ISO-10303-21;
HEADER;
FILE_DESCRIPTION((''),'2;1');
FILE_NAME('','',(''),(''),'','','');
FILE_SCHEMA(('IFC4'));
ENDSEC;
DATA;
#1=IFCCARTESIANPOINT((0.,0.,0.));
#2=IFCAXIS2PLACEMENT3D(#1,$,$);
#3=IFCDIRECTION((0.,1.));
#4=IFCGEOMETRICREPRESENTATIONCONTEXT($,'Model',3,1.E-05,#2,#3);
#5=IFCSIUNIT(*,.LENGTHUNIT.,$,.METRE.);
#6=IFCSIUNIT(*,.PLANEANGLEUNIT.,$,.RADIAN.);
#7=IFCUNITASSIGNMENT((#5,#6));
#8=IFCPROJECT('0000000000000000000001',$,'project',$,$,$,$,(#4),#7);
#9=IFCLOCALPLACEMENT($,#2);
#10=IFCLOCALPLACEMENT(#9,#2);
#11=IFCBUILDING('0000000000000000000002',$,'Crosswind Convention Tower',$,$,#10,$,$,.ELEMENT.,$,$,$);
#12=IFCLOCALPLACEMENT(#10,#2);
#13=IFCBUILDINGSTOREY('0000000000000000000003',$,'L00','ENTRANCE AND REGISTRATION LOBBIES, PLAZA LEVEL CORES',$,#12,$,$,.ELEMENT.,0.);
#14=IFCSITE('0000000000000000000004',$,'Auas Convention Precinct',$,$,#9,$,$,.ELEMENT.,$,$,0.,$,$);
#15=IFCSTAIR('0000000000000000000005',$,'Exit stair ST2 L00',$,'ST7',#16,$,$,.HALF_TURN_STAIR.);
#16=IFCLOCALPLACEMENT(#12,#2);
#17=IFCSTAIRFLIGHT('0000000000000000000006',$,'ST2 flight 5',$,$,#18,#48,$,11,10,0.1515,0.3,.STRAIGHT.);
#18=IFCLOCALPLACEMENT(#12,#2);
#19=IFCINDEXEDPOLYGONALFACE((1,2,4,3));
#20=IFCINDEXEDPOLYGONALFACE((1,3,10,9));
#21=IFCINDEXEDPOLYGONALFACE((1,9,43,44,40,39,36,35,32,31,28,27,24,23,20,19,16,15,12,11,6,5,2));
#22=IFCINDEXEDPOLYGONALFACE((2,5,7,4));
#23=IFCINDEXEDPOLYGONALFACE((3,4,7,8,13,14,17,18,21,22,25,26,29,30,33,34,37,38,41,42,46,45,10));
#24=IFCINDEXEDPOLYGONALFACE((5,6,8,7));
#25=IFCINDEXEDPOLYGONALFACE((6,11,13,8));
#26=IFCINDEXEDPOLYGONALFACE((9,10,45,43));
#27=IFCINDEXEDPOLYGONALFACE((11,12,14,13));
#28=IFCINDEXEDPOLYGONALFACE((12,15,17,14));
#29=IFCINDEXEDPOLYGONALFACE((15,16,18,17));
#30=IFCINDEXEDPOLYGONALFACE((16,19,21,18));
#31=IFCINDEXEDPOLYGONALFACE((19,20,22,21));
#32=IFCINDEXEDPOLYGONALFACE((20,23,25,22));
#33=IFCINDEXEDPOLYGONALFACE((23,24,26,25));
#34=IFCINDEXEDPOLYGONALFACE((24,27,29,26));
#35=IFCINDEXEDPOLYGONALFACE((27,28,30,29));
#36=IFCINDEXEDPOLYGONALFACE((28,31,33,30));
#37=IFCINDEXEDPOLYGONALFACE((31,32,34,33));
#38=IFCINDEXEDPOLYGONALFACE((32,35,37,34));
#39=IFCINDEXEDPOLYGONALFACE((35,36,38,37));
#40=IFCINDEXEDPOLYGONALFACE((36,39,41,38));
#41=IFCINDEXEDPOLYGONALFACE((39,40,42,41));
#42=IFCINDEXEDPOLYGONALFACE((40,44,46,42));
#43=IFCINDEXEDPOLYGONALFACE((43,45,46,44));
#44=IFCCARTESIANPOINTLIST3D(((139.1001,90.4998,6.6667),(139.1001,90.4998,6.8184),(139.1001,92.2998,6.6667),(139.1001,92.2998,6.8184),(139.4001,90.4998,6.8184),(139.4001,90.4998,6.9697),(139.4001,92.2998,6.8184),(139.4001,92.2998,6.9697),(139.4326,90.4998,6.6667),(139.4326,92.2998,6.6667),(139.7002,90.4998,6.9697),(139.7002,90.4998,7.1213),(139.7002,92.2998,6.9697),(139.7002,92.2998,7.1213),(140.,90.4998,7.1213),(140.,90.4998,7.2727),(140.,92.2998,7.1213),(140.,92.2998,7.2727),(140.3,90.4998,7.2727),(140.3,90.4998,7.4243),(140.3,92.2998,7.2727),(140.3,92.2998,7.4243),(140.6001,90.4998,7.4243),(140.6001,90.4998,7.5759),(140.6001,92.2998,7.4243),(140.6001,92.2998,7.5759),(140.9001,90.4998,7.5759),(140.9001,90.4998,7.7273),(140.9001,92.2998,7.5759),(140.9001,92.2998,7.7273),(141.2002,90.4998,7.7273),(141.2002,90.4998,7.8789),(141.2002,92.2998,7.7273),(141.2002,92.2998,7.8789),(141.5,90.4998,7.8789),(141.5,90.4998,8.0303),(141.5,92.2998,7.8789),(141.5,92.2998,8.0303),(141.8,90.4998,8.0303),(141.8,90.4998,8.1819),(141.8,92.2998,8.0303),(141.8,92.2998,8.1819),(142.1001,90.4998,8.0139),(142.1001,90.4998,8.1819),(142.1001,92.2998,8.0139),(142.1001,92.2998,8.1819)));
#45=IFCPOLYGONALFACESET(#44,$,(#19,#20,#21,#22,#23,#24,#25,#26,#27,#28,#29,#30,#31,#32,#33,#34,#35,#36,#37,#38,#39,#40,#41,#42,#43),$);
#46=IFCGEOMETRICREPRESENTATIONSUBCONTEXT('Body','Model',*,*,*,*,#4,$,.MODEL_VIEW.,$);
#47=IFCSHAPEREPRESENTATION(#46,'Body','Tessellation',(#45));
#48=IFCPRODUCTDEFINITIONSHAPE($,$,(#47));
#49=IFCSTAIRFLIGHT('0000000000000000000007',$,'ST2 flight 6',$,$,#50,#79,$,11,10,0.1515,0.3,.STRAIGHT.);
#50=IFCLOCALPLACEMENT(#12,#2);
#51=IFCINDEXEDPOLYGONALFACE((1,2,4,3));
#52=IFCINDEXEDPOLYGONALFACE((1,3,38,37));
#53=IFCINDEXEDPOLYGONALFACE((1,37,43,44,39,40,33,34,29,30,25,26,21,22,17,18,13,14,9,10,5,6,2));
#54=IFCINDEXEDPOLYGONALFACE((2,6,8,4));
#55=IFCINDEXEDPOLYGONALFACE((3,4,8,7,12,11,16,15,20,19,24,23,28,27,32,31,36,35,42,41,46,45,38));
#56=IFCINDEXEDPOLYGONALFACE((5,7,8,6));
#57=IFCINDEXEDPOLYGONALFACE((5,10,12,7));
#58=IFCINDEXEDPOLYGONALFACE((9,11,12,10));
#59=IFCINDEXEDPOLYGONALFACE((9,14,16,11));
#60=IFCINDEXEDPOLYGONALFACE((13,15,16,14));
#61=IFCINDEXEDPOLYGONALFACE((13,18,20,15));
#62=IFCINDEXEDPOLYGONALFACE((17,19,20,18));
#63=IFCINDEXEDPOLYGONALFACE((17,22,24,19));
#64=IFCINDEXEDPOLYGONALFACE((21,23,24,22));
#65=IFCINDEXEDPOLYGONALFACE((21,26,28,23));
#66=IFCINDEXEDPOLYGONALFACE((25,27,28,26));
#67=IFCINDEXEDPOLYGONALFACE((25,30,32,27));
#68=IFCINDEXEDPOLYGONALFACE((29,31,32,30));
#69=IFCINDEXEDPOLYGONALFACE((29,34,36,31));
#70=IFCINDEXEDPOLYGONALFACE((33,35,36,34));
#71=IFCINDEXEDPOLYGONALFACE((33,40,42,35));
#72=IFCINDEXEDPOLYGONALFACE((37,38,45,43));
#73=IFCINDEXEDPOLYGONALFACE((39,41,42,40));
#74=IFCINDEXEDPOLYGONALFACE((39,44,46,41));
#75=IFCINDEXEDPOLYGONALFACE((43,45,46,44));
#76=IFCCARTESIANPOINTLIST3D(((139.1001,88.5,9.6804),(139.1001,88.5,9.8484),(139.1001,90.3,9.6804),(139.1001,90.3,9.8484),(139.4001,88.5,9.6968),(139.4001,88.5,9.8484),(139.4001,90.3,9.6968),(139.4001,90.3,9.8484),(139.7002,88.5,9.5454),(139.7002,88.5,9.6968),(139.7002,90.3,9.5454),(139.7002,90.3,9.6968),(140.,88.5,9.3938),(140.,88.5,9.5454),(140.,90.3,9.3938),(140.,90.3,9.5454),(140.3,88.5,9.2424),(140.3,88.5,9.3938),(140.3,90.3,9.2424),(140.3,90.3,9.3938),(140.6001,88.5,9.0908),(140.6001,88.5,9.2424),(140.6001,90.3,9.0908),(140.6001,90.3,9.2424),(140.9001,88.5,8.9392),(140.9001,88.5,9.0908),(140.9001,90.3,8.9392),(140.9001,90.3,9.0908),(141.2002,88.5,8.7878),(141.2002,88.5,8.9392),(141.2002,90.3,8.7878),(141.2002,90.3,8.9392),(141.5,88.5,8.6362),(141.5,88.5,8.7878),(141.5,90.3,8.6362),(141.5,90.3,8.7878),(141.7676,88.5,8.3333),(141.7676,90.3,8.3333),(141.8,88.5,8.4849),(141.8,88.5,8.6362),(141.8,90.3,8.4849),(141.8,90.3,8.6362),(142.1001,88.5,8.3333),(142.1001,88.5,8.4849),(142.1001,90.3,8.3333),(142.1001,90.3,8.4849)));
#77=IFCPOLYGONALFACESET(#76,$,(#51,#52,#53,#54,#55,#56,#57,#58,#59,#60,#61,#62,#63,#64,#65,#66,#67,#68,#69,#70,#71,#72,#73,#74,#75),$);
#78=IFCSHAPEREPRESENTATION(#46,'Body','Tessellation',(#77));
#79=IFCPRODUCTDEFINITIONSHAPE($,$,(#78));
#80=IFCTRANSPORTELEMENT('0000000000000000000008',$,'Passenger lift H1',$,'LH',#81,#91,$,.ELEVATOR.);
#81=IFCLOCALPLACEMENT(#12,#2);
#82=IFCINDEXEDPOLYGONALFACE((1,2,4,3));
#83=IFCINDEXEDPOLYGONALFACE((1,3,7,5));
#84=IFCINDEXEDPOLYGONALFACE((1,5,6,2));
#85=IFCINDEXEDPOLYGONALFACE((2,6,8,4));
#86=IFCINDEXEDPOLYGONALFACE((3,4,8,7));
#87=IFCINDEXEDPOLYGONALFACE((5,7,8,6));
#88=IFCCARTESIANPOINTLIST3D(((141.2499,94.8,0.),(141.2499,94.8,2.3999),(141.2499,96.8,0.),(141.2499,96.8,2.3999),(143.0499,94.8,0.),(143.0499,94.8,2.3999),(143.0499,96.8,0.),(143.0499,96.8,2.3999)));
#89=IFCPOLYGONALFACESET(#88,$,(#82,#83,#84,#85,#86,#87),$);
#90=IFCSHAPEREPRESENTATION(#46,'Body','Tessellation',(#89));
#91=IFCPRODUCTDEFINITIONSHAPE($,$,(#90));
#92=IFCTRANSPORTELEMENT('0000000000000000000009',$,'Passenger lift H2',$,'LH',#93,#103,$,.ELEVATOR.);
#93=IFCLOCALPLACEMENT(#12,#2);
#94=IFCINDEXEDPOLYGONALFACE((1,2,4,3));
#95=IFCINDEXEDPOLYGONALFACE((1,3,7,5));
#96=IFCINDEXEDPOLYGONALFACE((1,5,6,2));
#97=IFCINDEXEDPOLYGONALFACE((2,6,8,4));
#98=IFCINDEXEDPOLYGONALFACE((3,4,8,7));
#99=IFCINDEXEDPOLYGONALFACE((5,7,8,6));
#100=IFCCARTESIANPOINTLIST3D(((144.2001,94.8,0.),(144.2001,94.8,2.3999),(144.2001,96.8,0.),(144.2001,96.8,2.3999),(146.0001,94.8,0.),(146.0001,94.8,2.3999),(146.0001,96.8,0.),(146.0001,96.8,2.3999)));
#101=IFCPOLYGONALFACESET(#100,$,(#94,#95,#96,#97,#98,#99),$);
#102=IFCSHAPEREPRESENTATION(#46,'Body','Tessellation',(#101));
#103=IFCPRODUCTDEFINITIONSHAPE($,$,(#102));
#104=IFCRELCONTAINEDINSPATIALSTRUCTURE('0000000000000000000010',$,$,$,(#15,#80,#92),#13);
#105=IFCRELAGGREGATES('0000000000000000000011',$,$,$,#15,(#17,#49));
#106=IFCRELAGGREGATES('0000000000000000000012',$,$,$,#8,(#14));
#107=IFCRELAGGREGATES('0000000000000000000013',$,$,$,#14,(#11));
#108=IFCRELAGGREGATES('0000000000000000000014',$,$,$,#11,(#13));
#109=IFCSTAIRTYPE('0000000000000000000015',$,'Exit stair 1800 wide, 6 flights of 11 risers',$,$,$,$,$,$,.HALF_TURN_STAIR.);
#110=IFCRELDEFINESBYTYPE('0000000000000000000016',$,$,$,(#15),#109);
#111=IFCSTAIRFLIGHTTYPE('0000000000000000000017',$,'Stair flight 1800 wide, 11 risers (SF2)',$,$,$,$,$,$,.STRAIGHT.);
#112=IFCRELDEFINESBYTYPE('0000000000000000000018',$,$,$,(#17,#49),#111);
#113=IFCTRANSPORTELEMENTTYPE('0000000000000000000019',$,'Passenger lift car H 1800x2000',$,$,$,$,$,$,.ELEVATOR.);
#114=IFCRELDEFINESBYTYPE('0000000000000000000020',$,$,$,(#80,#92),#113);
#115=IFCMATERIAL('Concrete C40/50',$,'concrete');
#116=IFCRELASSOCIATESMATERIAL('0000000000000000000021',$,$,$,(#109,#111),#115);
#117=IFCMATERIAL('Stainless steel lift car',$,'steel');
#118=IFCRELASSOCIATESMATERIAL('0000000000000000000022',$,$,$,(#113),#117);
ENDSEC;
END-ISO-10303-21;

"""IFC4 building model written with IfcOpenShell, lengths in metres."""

from ifc_helpers import new_model, si_unit, direction, frame, origin, origin_2d, place, context, subcontext, project, spatial, polyline, rectangle, outline, extrude, material, type_object, element, aggregate, save


model = new_model("IFC4")

# Units and contexts
model_context = context("Model", 3, precision=1e-05, world=origin(), true_north=direction((0.0, 1.0)))
body_context = subcontext(model_context, "Body", "Model", "MODEL_VIEW")
ifc_project = project(units=[si_unit("LENGTHUNIT", "METRE"), si_unit("PLANEANGLEUNIT", "RADIAN")], contexts=[model_context])

# Site, building, storey
site_placement = place(None, origin())
site = spatial("IfcSite", under=ifc_project, at=site_placement, Name="Auas Convention Precinct", CompositionType="ELEMENT", RefElevation=0.0)
building_placement = place(site_placement, origin())
building = spatial("IfcBuilding", under=site, at=building_placement, Name="Crosswind Convention Tower", CompositionType="ELEMENT")
storey_placement = place(building_placement, origin())
storey = spatial("IfcBuildingStorey", under=building, at=storey_placement, Name="L00", Description="ENTRANCE AND REGISTRATION LOBBIES, PLAZA LEVEL CORES", CompositionType="ELEMENT", Elevation=0.0)

# Shared definitions
ifc_material_1 = material(Name="Concrete C40/50", Category="concrete")

# Stair, stair flights
stair_type = type_object("IfcStairType", Name="Exit stair 1800 wide, 6 flights of 11 risers", PredefinedType="HALF_TURN_STAIR", material=ifc_material_1)
stair_placement = place(storey_placement, origin())
stair = element("IfcStair", 1, at=stair_placement, inside=storey, type_object=stair_type, Name="Exit stair ST2 L00", ObjectType="ST7", PredefinedType="HALF_TURN_STAIR")
stair_flight_type = type_object("IfcStairFlightType", Name="Stair flight 1800 wide, 11 risers (SF2)", PredefinedType="STRAIGHT", material=ifc_material_1)
stair_flight_1_placement = place(storey_placement, frame((139.1001, 91.3999, 6.6667), z_axis=(0.0, 0.0, 1.0), x_axis=(1.0, 0.0, 0.0)))
stair_flight_1 = element("IfcStairFlight", 2, at=stair_flight_1_placement, type_object=stair_flight_type, Name="ST2 flight 5", NumberOfRisers=11, NumberOfTreads=10, PredefinedType="STRAIGHT", RiserHeight=0.1515, TreadLength=0.3, context=body_context, shape_type="SweptSolid", body=[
=======
### [Exercise description]
Starting at the first line of the material above, reproduce each line exactly up to and including the line with "#35=IFCINDEXEDPOLYGONALFACE((27,28,30,29));".

### [Final answer]
ISO-10303-21;
HEADER;
FILE_DESCRIPTION((''),'2;1');
FILE_NAME('','',(''),(''),'','','');
FILE_SCHEMA(('IFC4'));
ENDSEC;
DATA;
#1=IFCCARTESIANPOINT((0.,0.,0.));
#2=IFCAXIS2PLACEMENT3D(#1,$,$);
#3=IFCDIRECTION((0.,1.));
#4=IFCGEOMETRICREPRESENTATIONCONTEXT($,'Model',3,1.E-05,#2,#3);
#5=IFCSIUNIT(*,.LENGTHUNIT.,$,.METRE.);
#6=IFCSIUNIT(*,.PLANEANGLEUNIT.,$,.RADIAN.);
#7=IFCUNITASSIGNMENT((#5,#6));
#8=IFCPROJECT('0000000000000000000001',$,'project',$,$,$,$,(#4),#7);
#9=IFCLOCALPLACEMENT($,#2);
#10=IFCLOCALPLACEMENT(#9,#2);
#11=IFCBUILDING('0000000000000000000002',$,'Crosswind Convention Tower',$,$,#10,$,$,.ELEMENT.,$,$,$);
#12=IFCLOCALPLACEMENT(#10,#2);
#13=IFCBUILDINGSTOREY('0000000000000000000003',$,'L00','ENTRANCE AND REGISTRATION LOBBIES, PLAZA LEVEL CORES',$,#12,$,$,.ELEMENT.,0.);
#14=IFCSITE('0000000000000000000004',$,'Auas Convention Precinct',$,$,#9,$,$,.ELEMENT.,$,$,0.,$,$);
#15=IFCSTAIR('0000000000000000000005',$,'Exit stair ST2 L00',$,'ST7',#16,$,$,.HALF_TURN_STAIR.);
#16=IFCLOCALPLACEMENT(#12,#2);
#17=IFCSTAIRFLIGHT('0000000000000000000006',$,'ST2 flight 5',$,$,#18,#48,$,11,10,0.1515,0.3,.STRAIGHT.);
#18=IFCLOCALPLACEMENT(#12,#2);
#19=IFCINDEXEDPOLYGONALFACE((1,2,4,3));
#20=IFCINDEXEDPOLYGONALFACE((1,3,10,9));
#21=IFCINDEXEDPOLYGONALFACE((1,9,43,44,40,39,36,35,32,31,28,27,24,23,20,19,16,15,12,11,6,5,2));
#22=IFCINDEXEDPOLYGONALFACE((2,5,7,4));
#23=IFCINDEXEDPOLYGONALFACE((3,4,7,8,13,14,17,18,21,22,25,26,29,30,33,34,37,38,41,42,46,45,10));
#24=IFCINDEXEDPOLYGONALFACE((5,6,8,7));
#25=IFCINDEXEDPOLYGONALFACE((6,11,13,8));
#26=IFCINDEXEDPOLYGONALFACE((9,10,45,43));
#27=IFCINDEXEDPOLYGONALFACE((11,12,14,13));
#28=IFCINDEXEDPOLYGONALFACE((12,15,17,14));
#29=IFCINDEXEDPOLYGONALFACE((15,16,18,17));
#30=IFCINDEXEDPOLYGONALFACE((16,19,21,18));
#31=IFCINDEXEDPOLYGONALFACE((19,20,22,21));
#32=IFCINDEXEDPOLYGONALFACE((20,23,25,22));
#33=IFCINDEXEDPOLYGONALFACE((23,24,26,25));
#34=IFCINDEXEDPOLYGONALFACE((24,27,29,26));
#35=IFCINDEXEDPOLYGONALFACE((27,28,30,29));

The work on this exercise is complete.